== What is being asked ==
Tell how many lines in the data below contain "extrude", using one number as the whole reply.

== Records shown ==
▬▬▬▬▬▬
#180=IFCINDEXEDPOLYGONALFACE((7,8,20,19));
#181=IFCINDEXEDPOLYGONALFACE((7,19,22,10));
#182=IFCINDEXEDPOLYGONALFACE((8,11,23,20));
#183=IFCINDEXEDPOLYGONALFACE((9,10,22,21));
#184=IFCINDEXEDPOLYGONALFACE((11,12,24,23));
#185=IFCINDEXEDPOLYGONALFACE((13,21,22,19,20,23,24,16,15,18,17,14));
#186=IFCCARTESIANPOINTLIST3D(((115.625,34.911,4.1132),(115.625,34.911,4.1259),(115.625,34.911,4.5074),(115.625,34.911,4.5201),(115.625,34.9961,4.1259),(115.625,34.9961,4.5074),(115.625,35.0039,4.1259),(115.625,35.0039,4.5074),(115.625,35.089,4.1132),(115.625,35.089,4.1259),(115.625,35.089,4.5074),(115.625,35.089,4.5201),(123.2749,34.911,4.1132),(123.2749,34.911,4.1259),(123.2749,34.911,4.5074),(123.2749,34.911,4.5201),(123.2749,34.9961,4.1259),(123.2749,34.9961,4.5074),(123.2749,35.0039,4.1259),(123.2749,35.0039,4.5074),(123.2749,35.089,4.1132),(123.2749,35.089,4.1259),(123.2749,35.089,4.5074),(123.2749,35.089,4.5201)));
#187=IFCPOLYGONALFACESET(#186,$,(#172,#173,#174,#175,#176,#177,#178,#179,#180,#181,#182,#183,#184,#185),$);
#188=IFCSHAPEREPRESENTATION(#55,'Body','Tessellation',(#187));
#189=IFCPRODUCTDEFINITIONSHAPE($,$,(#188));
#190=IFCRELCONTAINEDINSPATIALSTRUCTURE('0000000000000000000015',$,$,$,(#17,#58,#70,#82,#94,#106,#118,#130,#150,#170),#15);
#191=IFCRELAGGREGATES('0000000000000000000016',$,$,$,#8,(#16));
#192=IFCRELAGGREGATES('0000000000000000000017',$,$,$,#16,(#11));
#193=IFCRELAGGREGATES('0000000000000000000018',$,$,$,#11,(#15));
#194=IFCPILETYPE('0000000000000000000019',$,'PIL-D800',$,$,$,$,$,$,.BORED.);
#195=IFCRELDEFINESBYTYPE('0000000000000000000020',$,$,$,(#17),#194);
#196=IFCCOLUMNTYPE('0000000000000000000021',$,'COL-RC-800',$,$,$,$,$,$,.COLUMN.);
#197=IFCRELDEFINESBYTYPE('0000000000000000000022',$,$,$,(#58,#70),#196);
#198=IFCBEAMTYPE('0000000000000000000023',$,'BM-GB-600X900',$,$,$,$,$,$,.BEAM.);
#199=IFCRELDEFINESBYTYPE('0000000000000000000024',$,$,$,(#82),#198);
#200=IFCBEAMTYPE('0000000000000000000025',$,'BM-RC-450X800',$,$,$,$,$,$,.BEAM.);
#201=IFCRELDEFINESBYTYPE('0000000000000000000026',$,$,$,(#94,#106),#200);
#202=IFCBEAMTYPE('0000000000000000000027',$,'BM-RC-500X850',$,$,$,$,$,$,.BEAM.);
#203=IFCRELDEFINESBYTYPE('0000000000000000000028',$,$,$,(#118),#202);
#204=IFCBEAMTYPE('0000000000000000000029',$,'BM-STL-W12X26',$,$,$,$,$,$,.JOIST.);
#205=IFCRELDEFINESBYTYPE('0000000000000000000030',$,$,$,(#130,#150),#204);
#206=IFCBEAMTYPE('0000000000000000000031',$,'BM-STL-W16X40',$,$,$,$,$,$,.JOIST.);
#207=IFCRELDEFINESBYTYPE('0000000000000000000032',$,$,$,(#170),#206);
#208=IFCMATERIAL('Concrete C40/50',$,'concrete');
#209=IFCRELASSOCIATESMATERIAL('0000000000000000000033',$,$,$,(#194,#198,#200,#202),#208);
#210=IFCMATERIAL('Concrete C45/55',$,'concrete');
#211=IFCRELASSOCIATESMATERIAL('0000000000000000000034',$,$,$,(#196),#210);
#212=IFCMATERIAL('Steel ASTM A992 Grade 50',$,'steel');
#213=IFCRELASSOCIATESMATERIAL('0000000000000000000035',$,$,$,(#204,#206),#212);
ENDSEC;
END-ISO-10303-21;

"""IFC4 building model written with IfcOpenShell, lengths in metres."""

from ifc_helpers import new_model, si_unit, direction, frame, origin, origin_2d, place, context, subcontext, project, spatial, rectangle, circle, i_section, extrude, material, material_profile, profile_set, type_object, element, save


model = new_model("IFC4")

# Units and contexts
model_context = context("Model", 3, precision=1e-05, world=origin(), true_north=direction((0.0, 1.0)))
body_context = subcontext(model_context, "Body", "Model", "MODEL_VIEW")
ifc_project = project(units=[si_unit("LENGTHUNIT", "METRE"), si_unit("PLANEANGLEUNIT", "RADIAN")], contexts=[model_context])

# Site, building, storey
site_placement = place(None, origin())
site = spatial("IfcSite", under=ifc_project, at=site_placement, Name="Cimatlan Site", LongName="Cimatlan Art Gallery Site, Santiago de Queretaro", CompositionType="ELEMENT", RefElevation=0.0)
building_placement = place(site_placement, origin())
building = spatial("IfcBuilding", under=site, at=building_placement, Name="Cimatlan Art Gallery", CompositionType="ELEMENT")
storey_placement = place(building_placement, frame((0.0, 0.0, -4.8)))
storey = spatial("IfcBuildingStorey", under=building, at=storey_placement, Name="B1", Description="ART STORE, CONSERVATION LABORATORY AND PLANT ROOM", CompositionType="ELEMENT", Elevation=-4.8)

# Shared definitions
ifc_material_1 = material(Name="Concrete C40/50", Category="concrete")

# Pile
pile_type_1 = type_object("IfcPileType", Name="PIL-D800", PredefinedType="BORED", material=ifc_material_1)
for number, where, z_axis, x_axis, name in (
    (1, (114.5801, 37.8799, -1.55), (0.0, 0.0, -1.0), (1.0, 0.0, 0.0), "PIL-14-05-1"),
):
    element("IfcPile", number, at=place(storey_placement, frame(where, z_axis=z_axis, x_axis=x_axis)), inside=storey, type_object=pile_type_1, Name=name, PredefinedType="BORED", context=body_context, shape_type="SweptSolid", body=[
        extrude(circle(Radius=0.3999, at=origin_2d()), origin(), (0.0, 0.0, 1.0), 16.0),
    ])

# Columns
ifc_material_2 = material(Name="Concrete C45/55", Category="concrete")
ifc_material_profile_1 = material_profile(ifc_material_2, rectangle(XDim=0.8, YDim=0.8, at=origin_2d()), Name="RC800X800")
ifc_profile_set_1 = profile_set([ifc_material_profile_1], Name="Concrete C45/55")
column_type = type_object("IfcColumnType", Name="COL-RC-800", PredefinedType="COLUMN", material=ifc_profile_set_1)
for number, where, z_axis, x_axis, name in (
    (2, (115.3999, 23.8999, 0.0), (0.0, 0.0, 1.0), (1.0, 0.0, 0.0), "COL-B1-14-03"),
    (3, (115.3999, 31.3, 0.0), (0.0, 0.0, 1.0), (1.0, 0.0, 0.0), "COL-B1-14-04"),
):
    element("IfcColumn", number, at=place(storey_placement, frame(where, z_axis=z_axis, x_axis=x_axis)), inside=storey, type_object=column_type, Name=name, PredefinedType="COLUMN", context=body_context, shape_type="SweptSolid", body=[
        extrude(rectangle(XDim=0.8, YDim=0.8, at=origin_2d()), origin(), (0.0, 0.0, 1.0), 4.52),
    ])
▬▬▬▬▬▬
== Response for this exercise ==
3